TO DO — Sift the listing for lines that hold the string "IFCPOLYGONALFACESET" and pull them out.
-*-*-
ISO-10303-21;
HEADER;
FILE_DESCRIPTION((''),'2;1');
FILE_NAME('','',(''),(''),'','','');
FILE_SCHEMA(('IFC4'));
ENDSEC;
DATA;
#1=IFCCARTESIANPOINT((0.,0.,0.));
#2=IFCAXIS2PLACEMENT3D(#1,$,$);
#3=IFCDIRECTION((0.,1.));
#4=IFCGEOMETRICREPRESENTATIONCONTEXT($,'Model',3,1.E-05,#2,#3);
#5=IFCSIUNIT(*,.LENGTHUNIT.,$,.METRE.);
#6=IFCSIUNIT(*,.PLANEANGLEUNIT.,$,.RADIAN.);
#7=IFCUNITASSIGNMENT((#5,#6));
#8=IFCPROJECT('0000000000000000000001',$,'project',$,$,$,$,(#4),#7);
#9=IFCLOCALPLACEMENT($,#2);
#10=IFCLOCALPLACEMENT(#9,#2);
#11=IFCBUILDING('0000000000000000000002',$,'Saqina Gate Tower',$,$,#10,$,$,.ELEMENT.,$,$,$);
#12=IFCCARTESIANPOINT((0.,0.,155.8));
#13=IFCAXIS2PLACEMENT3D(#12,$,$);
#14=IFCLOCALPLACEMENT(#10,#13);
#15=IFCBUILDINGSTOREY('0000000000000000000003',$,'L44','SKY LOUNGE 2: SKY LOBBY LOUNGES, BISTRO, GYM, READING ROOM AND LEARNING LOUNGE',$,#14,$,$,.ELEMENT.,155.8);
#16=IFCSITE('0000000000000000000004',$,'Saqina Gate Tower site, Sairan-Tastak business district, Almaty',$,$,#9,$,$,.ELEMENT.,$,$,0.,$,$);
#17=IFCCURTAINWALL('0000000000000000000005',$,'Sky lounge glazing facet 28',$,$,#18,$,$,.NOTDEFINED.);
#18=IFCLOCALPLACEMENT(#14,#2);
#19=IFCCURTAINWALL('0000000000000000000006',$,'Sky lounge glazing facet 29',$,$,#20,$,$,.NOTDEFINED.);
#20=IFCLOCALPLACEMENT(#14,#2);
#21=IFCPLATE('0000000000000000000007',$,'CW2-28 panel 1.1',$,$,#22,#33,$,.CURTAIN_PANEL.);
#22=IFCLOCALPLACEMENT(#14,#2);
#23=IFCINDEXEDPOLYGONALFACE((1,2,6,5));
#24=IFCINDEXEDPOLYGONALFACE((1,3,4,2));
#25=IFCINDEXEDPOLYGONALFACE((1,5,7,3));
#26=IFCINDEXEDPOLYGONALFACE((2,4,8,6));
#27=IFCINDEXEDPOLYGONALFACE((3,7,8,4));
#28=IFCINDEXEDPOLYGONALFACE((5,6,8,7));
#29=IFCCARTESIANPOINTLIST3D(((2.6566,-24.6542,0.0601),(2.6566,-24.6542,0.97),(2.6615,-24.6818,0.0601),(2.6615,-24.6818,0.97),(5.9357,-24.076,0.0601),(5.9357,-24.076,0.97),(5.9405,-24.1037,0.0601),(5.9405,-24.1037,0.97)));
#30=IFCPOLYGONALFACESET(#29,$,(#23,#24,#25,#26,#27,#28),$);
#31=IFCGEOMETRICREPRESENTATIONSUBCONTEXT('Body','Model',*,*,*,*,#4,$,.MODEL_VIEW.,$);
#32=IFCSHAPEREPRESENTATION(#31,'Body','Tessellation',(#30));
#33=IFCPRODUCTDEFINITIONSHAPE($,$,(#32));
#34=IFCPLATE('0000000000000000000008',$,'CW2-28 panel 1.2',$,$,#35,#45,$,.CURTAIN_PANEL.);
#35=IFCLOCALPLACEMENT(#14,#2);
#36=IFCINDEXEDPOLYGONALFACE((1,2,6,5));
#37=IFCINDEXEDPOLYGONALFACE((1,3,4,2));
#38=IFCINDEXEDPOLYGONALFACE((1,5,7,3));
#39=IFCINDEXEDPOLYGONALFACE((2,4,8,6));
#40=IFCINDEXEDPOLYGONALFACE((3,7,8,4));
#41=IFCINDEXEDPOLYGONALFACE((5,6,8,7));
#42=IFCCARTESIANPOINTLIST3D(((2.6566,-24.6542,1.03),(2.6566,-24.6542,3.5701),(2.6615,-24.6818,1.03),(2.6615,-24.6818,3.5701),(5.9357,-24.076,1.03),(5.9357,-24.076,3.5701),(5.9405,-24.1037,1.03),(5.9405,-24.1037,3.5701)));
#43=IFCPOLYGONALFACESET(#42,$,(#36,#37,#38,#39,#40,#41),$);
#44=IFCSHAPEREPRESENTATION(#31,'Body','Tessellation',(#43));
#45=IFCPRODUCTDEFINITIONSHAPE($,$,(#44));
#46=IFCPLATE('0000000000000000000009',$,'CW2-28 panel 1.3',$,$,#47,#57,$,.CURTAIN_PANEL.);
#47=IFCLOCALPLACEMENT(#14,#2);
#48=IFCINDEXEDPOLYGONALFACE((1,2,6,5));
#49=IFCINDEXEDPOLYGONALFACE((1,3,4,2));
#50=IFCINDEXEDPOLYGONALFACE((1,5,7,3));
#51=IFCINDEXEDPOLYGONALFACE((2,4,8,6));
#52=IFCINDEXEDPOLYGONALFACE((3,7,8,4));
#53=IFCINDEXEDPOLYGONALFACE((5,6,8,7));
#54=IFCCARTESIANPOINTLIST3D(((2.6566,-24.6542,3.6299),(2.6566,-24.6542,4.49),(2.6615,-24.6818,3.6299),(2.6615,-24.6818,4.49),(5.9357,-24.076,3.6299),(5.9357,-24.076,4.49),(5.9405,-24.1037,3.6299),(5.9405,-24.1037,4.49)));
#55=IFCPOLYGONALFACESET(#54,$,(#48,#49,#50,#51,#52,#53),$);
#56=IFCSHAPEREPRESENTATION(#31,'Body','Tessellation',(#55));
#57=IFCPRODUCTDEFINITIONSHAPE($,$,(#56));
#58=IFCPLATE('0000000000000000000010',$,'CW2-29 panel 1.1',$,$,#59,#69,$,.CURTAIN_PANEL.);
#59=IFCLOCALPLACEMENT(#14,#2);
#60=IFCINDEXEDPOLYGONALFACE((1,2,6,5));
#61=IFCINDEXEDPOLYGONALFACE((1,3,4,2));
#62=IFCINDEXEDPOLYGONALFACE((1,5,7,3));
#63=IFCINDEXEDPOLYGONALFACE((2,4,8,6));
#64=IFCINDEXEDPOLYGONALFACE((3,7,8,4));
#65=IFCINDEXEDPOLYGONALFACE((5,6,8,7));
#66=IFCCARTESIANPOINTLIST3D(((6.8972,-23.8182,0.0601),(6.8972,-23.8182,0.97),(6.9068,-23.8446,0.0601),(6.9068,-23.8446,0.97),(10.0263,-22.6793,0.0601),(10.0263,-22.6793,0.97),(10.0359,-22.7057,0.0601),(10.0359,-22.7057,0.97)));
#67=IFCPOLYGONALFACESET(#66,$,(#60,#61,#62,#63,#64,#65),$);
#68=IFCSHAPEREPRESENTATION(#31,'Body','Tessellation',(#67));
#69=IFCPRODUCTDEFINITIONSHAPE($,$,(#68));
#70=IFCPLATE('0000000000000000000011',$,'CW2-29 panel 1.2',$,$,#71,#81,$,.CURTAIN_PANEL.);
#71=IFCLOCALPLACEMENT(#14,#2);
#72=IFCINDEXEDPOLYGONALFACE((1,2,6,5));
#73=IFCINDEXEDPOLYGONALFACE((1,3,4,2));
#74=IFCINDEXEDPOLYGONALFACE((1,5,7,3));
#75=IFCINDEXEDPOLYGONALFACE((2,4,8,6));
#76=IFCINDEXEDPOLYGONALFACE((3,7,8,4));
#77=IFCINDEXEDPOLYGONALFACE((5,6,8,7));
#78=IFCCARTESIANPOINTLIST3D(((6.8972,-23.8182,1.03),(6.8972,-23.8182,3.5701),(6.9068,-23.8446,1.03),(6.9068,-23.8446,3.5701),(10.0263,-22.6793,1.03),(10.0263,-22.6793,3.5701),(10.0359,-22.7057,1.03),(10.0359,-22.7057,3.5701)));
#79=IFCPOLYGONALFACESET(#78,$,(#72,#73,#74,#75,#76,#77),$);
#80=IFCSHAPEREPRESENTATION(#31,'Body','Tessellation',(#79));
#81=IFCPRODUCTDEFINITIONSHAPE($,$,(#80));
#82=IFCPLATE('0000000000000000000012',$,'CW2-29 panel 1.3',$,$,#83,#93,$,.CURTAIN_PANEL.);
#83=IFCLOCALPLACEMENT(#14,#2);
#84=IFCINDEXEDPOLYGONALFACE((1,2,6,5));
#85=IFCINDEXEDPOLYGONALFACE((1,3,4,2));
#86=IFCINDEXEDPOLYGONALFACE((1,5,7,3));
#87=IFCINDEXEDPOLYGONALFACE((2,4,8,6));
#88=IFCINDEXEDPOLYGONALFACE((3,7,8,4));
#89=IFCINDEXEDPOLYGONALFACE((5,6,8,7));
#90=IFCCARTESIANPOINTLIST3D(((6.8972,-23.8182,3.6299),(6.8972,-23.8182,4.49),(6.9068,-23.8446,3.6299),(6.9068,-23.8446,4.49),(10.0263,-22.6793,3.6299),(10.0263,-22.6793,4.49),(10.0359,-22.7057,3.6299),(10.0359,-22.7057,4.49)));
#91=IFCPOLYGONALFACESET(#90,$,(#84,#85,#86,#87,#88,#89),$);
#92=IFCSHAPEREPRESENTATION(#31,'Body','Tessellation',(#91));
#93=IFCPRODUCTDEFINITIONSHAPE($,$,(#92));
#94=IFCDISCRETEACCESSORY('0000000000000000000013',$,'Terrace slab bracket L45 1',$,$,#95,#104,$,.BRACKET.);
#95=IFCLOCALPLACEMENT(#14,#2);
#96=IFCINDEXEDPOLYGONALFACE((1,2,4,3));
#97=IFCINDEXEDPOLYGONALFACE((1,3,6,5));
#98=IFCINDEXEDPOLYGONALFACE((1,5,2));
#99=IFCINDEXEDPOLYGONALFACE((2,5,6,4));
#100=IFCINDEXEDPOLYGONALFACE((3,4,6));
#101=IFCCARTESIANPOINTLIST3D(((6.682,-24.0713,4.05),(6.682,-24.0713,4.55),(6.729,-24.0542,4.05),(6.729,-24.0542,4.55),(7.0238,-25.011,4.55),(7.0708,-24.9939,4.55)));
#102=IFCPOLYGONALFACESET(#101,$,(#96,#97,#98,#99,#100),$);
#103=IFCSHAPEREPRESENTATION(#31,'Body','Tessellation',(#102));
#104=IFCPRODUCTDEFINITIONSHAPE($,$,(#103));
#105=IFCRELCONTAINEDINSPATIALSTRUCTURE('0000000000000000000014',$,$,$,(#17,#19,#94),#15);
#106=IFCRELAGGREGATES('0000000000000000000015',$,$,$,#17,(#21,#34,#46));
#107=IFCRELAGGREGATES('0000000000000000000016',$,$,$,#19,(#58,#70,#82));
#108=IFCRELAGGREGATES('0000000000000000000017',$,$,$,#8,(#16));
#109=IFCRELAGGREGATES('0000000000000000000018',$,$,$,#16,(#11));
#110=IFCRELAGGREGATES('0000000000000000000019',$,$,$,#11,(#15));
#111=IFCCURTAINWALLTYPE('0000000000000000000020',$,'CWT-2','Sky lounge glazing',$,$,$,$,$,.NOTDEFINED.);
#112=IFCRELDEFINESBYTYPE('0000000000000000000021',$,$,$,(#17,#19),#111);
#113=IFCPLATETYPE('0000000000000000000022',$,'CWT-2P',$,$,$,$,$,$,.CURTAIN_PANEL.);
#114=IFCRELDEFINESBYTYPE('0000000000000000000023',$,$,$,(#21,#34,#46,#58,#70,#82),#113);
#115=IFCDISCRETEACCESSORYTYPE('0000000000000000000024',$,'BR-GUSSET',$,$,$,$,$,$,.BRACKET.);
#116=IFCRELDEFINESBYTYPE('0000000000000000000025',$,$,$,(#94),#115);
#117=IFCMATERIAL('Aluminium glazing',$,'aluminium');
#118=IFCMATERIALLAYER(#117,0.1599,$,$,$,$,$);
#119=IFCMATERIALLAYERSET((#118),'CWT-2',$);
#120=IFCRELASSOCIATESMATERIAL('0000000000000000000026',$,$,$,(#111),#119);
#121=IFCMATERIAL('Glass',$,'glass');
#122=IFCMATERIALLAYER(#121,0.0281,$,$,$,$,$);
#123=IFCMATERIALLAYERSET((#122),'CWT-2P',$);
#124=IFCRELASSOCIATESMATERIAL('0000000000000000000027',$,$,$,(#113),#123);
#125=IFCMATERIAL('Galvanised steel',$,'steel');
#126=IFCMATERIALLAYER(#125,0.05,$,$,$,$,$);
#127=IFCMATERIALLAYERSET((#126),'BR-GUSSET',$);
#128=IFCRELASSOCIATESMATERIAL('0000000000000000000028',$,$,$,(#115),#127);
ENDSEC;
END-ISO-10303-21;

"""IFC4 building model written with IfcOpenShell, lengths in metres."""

from ifc_helpers import new_model, si_unit, direction, frame, origin, origin_2d, place, context, subcontext, project, spatial, polyline, rectangle, outline, extrude, material, layer, layer_set, type_object, element, aggregate, save


model = new_model("IFC4")

# Units and contexts
model_context = context("Model", 3, precision=1e-05, world=origin(), true_north=direction((0.0, 1.0)))
body_context = subcontext(model_context, "Body", "Model", "MODEL_VIEW")
ifc_project = project(units=[si_unit("LENGTHUNIT", "METRE"), si_unit("PLANEANGLEUNIT", "RADIAN")], contexts=[model_context])

# Site, building, storey
site_placement = place(None, origin())
site = spatial("IfcSite", under=ifc_project, at=site_placement, Name="Saqina Gate Tower site, Sairan-Tastak business district, Almaty", CompositionType="ELEMENT", RefElevation=0.0)
building_placement = place(site_placement, origin())
building = spatial("IfcBuilding", under=site, at=building_placement, Name="Saqina Gate Tower", CompositionType="ELEMENT")
storey_placement = place(building_placement, frame((0.0, 0.0, 155.8)))
storey = spatial("IfcBuildingStorey", under=building, at=storey_placement, Name="L44", Description="SKY LOUNGE 2: SKY LOBBY LOUNGES, BISTRO, GYM, READING ROOM AND LEARNING LOUNGE", CompositionType="ELEMENT", Elevation=155.8)

# Shared definitions
ifc_material_1 = material(Name="Aluminium glazing", Category="aluminium")
ifc_layer_1 = layer(ifc_material_1, 0.1599)
ifc_layer_set_1 = layer_set([ifc_layer_1], Name="CWT-2")
curtain_wall_type = type_object("IfcCurtainWallType", Name="CWT-2", Description="Sky lounge glazing", PredefinedType="NOTDEFINED", material=ifc_layer_set_1)

# Curtain wall
curtain_wall_1_placement = place(storey_placement, origin())
curtain_wall_1 = element("IfcCurtainWall", 1, at=curtain_wall_1_placement, inside=storey, type_object=curtain_wall_type, Name="Sky lounge glazing facet 28", PredefinedType="NOTDEFINED")

# Curtain wall
curtain_wall_2_placement = place(storey_placement, origin())
curtain_wall_2 = element("IfcCurtainWall", 2, at=curtain_wall_2_placement, inside=storey, type_object=curtain_wall_type, Name="Sky lounge glazing facet 29", PredefinedType="NOTDEFINED")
-*-*-
OUTPUT BELOW —
#30=IFCPOLYGONALFACESET(#29,$,(#23,#24,#25,#26,#27,#28),$);
#43=IFCPOLYGONALFACESET(#42,$,(#36,#37,#38,#39,#40,#41),$);
#55=IFCPOLYGONALFACESET(#54,$,(#48,#49,#50,#51,#52,#53),$);
#67=IFCPOLYGONALFACESET(#66,$,(#60,#61,#62,#63,#64,#65),$);
#79=IFCPOLYGONALFACESET(#78,$,(#72,#73,#74,#75,#76,#77),$);
#91=IFCPOLYGONALFACESET(#90,$,(#84,#85,#86,#87,#88,#89),$);
#102=IFCPOLYGONALFACESET(#101,$,(#96,#97,#98,#99,#100),$);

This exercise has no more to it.